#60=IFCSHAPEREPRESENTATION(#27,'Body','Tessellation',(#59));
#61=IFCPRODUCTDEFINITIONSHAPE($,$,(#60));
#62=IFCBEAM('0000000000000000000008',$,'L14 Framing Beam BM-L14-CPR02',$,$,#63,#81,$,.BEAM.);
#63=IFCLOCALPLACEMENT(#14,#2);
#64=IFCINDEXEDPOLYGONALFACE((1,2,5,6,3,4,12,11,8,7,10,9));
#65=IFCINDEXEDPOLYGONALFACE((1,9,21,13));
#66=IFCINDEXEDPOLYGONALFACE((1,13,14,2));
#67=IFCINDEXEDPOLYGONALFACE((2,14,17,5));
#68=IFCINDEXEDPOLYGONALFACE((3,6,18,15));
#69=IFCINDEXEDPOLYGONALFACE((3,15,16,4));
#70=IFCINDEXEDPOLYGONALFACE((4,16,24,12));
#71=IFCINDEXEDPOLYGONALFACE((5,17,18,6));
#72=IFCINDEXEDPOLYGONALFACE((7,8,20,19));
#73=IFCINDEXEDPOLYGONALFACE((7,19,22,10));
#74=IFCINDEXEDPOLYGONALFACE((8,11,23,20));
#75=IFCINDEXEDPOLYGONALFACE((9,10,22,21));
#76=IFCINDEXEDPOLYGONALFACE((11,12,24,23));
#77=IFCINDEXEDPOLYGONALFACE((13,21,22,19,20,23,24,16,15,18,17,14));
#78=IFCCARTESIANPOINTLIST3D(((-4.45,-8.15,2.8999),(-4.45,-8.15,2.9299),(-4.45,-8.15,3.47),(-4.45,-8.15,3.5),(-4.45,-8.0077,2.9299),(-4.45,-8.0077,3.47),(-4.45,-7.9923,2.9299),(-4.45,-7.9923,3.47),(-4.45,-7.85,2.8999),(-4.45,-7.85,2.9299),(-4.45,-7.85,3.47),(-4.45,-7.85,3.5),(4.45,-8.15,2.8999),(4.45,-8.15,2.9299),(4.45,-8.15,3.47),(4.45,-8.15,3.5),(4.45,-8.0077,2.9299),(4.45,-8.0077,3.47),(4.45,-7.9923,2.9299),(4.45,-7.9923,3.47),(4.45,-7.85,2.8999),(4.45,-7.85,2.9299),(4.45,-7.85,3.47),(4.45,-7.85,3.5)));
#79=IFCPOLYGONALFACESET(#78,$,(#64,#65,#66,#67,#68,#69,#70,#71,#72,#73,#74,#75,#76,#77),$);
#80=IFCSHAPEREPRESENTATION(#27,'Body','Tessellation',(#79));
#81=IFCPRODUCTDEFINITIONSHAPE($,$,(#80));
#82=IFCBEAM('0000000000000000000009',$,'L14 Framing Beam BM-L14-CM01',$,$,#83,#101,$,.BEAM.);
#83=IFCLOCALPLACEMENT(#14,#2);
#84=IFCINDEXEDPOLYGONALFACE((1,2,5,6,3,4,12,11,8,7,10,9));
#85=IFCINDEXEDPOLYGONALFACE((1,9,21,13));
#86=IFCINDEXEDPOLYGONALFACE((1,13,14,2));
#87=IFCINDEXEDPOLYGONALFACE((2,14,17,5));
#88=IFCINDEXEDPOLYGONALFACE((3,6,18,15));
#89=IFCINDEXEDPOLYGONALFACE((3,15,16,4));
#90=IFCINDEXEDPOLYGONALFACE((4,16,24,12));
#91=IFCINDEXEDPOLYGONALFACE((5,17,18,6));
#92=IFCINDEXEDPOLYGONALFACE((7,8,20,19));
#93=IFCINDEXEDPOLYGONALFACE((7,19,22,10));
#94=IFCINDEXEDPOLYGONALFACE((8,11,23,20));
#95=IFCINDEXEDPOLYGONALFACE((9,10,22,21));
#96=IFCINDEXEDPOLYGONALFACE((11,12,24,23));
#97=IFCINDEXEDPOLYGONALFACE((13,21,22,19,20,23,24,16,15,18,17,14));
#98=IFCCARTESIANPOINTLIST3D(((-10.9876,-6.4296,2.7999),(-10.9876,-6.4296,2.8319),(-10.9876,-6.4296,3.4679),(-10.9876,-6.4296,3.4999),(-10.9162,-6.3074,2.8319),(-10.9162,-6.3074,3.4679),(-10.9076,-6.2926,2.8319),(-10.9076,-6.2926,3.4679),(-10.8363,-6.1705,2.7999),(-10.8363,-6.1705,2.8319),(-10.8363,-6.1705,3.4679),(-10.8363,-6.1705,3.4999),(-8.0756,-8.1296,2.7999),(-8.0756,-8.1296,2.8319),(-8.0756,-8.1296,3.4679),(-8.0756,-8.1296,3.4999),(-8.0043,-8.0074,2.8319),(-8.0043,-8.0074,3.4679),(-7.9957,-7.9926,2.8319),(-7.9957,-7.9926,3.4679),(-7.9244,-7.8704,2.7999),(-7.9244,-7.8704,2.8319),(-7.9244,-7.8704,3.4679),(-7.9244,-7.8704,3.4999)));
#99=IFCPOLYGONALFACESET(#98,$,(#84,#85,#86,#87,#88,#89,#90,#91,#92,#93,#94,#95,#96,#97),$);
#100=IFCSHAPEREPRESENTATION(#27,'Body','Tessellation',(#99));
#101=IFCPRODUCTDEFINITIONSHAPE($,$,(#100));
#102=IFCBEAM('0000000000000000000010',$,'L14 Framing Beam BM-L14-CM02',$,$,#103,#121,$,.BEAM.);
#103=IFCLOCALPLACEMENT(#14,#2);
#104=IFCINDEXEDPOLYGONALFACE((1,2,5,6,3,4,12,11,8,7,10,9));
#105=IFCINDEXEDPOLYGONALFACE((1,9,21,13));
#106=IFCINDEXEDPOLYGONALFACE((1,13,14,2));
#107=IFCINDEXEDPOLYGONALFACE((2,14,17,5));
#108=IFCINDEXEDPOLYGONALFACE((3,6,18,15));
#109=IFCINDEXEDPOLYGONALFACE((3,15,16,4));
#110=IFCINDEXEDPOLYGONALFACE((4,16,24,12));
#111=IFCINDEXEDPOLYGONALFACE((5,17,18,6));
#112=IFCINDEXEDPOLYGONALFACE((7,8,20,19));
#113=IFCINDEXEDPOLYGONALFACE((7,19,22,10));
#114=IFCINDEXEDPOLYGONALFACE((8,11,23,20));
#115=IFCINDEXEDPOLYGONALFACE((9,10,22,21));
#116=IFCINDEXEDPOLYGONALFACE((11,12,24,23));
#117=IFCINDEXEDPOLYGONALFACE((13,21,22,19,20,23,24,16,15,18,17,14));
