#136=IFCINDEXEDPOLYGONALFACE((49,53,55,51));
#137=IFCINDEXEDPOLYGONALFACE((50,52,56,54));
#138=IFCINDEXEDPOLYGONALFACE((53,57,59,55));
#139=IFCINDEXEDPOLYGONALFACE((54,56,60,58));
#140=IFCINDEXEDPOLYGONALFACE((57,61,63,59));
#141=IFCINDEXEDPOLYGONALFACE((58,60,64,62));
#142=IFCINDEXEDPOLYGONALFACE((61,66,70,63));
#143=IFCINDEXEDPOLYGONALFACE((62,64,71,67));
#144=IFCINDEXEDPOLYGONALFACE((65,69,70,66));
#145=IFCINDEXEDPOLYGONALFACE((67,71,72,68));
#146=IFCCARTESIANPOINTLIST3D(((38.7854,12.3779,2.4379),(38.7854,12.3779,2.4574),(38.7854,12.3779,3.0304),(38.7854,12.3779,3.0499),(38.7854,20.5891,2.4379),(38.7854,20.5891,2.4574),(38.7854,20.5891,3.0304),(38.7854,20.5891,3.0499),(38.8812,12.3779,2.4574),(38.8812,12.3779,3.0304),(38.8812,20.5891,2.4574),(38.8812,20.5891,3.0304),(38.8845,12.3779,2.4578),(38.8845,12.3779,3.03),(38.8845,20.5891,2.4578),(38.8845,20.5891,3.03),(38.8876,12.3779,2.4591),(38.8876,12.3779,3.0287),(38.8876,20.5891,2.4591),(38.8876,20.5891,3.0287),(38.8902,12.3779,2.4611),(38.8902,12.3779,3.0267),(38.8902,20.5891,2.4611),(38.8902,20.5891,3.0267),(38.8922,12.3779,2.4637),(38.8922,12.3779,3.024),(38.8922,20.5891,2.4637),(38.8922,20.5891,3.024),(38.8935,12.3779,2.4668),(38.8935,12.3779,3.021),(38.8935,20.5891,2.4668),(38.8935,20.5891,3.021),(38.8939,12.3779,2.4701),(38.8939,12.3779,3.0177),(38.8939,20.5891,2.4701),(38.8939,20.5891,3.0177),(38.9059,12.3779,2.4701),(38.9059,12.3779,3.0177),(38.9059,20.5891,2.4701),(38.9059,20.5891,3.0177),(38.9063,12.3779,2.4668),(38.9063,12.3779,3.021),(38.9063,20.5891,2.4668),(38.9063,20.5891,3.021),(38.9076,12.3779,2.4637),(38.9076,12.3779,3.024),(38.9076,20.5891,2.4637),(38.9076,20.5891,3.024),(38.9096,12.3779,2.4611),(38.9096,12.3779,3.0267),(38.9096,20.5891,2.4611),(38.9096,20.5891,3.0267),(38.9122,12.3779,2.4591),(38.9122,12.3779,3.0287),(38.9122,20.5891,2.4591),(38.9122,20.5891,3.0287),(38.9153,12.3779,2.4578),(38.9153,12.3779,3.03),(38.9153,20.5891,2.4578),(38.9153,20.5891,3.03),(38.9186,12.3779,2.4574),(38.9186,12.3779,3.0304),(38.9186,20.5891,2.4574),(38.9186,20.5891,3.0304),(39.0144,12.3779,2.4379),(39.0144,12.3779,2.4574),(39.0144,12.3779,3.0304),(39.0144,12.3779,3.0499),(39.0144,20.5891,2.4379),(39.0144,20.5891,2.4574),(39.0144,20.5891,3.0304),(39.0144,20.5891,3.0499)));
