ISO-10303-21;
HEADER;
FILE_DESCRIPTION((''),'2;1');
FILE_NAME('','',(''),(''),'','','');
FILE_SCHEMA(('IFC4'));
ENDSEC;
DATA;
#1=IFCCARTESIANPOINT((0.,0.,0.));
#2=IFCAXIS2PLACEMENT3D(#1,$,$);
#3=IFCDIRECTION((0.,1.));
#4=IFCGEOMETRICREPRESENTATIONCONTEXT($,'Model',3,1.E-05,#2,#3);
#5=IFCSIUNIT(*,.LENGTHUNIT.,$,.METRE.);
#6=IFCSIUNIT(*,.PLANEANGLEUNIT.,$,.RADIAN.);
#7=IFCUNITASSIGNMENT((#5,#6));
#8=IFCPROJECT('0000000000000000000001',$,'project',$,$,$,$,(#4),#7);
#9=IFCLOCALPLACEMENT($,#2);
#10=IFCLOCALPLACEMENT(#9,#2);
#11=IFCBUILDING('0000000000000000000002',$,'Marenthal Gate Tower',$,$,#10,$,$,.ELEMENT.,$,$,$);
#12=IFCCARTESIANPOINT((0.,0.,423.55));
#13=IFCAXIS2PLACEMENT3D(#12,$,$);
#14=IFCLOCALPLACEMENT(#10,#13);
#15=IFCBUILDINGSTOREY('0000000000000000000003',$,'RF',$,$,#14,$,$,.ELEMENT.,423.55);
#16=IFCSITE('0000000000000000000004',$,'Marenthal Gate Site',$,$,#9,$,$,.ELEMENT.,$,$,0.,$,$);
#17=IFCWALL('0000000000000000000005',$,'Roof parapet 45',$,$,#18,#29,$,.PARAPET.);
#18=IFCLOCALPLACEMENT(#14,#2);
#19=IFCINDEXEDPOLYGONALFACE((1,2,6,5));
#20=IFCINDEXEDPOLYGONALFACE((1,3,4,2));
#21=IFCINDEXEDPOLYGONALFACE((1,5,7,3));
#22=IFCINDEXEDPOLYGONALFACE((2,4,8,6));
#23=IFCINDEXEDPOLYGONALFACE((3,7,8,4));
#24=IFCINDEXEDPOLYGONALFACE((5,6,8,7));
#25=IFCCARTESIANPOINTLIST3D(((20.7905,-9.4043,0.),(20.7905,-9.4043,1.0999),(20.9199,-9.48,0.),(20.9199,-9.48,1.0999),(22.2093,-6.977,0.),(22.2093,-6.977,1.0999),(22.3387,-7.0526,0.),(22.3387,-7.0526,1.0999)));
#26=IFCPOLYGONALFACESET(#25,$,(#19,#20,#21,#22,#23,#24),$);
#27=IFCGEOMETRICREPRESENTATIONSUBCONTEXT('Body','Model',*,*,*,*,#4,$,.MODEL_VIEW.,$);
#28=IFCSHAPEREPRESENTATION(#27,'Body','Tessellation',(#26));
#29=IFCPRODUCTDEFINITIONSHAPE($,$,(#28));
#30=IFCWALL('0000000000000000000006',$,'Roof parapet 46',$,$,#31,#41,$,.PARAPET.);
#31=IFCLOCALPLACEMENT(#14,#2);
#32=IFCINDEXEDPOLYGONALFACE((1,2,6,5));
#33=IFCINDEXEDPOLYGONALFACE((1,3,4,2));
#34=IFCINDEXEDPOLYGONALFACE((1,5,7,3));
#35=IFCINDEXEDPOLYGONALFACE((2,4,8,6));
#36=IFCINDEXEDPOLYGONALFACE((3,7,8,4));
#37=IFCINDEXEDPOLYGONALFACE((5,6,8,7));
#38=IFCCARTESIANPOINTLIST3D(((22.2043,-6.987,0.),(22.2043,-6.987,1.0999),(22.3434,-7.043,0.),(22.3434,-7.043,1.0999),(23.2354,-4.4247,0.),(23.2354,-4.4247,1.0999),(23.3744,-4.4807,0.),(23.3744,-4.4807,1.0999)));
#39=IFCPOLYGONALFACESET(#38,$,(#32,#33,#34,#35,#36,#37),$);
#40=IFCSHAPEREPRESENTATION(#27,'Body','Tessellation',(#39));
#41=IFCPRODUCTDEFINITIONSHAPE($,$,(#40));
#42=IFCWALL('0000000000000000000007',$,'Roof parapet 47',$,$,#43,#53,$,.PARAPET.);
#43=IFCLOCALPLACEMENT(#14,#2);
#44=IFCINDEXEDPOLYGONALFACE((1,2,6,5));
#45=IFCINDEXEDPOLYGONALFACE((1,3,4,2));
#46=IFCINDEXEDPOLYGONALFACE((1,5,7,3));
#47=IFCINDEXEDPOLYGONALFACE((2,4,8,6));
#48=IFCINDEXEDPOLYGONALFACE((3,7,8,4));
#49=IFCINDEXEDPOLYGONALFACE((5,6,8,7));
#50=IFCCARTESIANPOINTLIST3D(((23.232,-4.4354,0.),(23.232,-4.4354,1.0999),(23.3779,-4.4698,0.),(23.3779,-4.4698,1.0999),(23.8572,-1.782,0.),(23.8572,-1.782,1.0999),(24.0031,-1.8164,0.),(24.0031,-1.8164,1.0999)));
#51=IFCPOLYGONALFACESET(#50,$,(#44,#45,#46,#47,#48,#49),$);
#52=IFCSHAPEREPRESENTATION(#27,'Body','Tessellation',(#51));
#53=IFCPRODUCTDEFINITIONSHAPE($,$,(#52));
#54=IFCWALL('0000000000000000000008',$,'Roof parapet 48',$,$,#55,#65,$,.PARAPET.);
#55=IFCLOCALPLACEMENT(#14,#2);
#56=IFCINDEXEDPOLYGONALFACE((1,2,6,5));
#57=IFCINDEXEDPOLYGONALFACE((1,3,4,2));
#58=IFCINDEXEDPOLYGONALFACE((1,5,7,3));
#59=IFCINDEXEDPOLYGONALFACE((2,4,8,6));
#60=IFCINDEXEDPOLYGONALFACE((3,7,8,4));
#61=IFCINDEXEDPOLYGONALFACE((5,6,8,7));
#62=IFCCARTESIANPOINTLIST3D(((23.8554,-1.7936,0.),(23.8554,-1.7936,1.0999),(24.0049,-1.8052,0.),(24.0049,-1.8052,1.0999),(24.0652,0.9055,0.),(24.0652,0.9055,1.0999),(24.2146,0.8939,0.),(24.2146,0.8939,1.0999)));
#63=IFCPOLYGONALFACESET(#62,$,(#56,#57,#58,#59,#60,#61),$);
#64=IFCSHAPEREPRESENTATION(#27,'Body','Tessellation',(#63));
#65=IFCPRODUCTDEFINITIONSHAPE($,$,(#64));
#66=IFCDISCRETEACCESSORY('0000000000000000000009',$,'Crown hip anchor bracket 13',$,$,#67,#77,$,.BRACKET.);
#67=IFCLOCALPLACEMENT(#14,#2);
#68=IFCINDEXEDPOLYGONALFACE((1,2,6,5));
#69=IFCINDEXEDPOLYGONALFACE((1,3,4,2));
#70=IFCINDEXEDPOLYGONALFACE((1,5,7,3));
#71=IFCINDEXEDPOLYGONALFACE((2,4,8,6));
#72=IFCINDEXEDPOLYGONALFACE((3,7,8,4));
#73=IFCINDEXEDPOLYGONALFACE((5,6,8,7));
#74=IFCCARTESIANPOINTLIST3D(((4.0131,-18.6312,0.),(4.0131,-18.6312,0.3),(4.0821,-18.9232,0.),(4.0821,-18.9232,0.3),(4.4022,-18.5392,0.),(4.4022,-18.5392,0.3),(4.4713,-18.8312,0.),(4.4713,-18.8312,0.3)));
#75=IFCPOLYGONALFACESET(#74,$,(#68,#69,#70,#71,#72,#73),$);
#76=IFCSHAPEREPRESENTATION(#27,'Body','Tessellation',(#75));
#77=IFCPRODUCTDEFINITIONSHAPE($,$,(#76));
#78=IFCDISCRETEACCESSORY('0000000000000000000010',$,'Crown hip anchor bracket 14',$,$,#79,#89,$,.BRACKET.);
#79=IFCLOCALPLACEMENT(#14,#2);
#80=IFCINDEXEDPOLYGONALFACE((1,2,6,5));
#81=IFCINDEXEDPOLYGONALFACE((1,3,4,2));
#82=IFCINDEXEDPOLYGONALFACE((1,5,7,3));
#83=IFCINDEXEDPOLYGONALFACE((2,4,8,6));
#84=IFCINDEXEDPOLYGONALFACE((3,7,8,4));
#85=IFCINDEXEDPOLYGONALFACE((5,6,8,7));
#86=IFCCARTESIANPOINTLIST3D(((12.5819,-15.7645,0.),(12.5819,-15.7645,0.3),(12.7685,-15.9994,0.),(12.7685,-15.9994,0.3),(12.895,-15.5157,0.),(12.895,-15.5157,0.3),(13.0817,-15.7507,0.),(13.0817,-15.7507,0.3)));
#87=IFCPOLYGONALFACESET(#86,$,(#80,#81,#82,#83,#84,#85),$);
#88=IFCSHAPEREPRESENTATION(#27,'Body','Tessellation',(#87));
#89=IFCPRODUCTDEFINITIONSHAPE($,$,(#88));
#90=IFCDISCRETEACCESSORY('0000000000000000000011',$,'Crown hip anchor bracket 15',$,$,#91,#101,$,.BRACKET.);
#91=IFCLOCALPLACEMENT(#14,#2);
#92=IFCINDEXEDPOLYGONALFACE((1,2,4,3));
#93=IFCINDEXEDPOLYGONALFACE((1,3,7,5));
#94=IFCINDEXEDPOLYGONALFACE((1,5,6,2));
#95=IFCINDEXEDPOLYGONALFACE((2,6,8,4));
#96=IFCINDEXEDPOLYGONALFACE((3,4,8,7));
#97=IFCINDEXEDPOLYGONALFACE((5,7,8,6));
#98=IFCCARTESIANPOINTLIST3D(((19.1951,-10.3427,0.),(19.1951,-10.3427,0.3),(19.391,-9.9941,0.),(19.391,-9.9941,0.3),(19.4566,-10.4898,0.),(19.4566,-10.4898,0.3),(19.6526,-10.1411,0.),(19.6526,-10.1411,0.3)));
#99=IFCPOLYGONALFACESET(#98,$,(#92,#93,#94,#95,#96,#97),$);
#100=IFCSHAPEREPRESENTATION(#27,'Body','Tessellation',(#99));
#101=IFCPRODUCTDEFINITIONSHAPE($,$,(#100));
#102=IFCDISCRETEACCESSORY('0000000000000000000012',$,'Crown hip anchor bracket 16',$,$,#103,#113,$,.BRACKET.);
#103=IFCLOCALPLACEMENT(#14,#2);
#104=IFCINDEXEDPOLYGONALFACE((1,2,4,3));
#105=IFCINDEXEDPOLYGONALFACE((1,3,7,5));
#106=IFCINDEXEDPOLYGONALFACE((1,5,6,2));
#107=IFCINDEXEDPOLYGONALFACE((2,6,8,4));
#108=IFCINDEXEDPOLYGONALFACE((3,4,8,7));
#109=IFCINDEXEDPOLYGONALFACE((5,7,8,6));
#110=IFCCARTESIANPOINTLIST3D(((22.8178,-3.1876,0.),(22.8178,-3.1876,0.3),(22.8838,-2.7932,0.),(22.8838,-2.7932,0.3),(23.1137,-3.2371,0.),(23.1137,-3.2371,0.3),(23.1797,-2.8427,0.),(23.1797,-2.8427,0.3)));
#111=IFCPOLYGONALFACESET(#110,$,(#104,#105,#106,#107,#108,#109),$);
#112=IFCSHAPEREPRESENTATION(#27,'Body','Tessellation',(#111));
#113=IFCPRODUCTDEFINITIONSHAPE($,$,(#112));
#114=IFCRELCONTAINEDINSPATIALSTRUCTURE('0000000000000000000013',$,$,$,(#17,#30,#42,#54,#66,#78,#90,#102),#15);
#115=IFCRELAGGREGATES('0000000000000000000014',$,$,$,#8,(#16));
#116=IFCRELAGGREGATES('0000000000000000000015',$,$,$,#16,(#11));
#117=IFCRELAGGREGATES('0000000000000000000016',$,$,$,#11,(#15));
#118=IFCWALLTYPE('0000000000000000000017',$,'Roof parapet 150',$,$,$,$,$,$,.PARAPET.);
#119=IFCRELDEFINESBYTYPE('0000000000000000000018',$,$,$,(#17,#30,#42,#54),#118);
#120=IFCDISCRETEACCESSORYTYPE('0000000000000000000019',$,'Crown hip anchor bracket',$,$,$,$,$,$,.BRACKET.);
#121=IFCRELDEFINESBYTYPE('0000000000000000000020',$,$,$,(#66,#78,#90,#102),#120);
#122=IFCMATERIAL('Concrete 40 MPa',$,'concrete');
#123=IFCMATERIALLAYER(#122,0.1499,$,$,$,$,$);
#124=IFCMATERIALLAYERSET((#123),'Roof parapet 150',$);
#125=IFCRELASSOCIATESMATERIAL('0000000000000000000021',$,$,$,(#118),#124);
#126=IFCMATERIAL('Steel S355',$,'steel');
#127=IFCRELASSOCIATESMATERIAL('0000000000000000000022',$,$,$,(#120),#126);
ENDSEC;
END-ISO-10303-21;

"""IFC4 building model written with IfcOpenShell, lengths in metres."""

from ifc_helpers import new_model, si_unit, direction, frame, frame_2d, origin, origin_2d, place, context, subcontext, project, spatial, rectangle, extrude, material, layer, layer_set, type_object, element, save


model = new_model("IFC4")

# Units and contexts
model_context = context("Model", 3, precision=1e-05, world=origin(), true_north=direction((0.0, 1.0)))
body_context = subcontext(model_context, "Body", "Model", "MODEL_VIEW")
ifc_project = project(units=[si_unit("LENGTHUNIT", "METRE"), si_unit("PLANEANGLEUNIT", "RADIAN")], contexts=[model_context])

# Site, building, storey
site_placement = place(None, origin())
site = spatial("IfcSite", under=ifc_project, at=site_placement, Name="Marenthal Gate Site", CompositionType="ELEMENT", RefElevation=0.0)
building_placement = place(site_placement, origin())
building = spatial("IfcBuilding", under=site, at=building_placement, Name="Marenthal Gate Tower", CompositionType="ELEMENT")
storey_placement = place(building_placement, frame((0.0, 0.0, 423.55)))
storey = spatial("IfcBuildingStorey", under=building, at=storey_placement, Name="RF", CompositionType="ELEMENT", Elevation=423.55)

# Walls
ifc_material_1 = material(Name="Concrete 40 MPa", Category="concrete")
ifc_layer_1 = layer(ifc_material_1, 0.1499)
ifc_layer_set_1 = layer_set([ifc_layer_1], Name="Roof parapet 150")
wall_type = type_object("IfcWallType", Name="Roof parapet 150", PredefinedType="PARAPET", material=ifc_layer_set_1)
wall_1_placement = place(storey_placement, frame((20.8552, -9.4421, 0.0), z_axis=(0.0, 0.0, 1.0), x_axis=(0.504616, 0.863344, 0.0)))
element("IfcWall", 1, at=wall_1_placement, inside=storey, type_object=wall_type, Name="Roof parapet 45", PredefinedType="PARAPET", context=body_context, shape_type="SweptSolid", body=[
    extrude(rectangle(XDim=2.8115, YDim=0.1499, at=frame_2d((1.4058, 0.0))), origin(), (0.0, 0.0, 1.0), 1.0999),
])
wall_2_placement = place(storey_placement, frame((22.2739, -7.0149, 0.0), z_axis=(0.0, 0.0, 1.0), x_axis=(0.373295, 0.927713, 0.0)))
element("IfcWall", 2, at=wall_2_placement, inside=storey, type_object=wall_type, Name="Roof parapet 46", PredefinedType="PARAPET", context=body_context, shape_type="SweptSolid", body=[
    extrude(rectangle(XDim=2.762, YDim=0.1499, at=frame_2d((1.3809, 0.0))), origin(), (0.0, 0.0, 1.0), 1.0999),
])
wall_3_placement = place(storey_placement, frame((23.3049, -4.4526, 0.0), z_axis=(0.0, 0.0, 1.0), x_axis=(0.229364, 0.973341, 0.0)))
element("IfcWall", 3, at=wall_3_placement, inside=storey, type_object=wall_type, Name="Roof parapet 47", PredefinedType="PARAPET", context=body_context, shape_type="SweptSolid", body=[
    extrude(rectangle(XDim=2.7261, YDim=0.1499, at=frame_2d((1.363, 0.0))), origin(), (0.0, 0.0, 1.0), 1.0999),
])
wall_4_placement = place(storey_placement, frame((23.9302, -1.7993, 0.0), z_axis=(0.0, 0.0, 1.0), x_axis=(0.077462, 0.996995, 0.0)))
element("IfcWall", 4, at=wall_4_placement, inside=storey, type_object=wall_type, Name="Roof parapet 48", PredefinedType="PARAPET", context=body_context, shape_type="SweptSolid", body=[
    extrude(rectangle(XDim=2.7073, YDim=0.1499, at=frame_2d((1.3535, 0.0))), origin(), (0.0, 0.0, 1.0), 1.0999),
])

# Discrete accessories
ifc_material_2 = material(Name="Steel S355", Category="steel")
discrete_accessory_type = type_object("IfcDiscreteAccessoryType", Name="Crown hip anchor bracket", PredefinedType="BRACKET", material=ifc_material_2)
for number, where, z_axis, x_axis, name in (
    (5, (4.2422, -18.7312, 0.0), (0.0, 0.0, 1.0), (-0.973161, -0.230123, 0.0), "Crown hip anchor bracket 13"),
    (6, (12.8318, -15.7576, 0.0), (0.0, 0.0, 1.0), (-0.783026, -0.621989, 0.0), "Crown hip anchor bracket 14"),
    (7, (19.4238, -10.2419, 0.0), (0.0, 0.0, 1.0), (-0.489966, -0.871742, 0.0), "Crown hip anchor bracket 15"),
    (8, (22.9988, -3.0151, 0.0), (0.0, 0.0, 1.0), (-0.165026, -0.986289, 0.0), "Crown hip anchor bracket 16"),
):
    element("IfcDiscreteAccessory", number, at=place(storey_placement, frame(where, z_axis=z_axis, x_axis=x_axis)), inside=storey, type_object=discrete_accessory_type, Name=name, PredefinedType="BRACKET", context=body_context, shape_type="SweptSolid", body=[
        extrude(rectangle(XDim=0.3999, YDim=0.3, at=origin_2d()), origin(), (0.0, 0.0, 1.0), 0.3),
    ])

save(model, "model.ifc")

# [About this exercise]
Give an exact copy of the lines above, from the top of the records to the line that contains "#64=IFCINDEXEDPOLYGONALFACE((1,2,5,6,3,4,12,11,8,7,10,9));", taking in both ends.

# [Answer section]
#60=IFCSHAPEREPRESENTATION(#27,'Body','Tessellation',(#59));
#61=IFCPRODUCTDEFINITIONSHAPE($,$,(#60));
#62=IFCBEAM('0000000000000000000008',$,'L14 Framing Beam BM-L14-CPR02',$,$,#63,#81,$,.BEAM.);
#63=IFCLOCALPLACEMENT(#14,#2);
#64=IFCINDEXEDPOLYGONALFACE((1,2,5,6,3,4,12,11,8,7,10,9));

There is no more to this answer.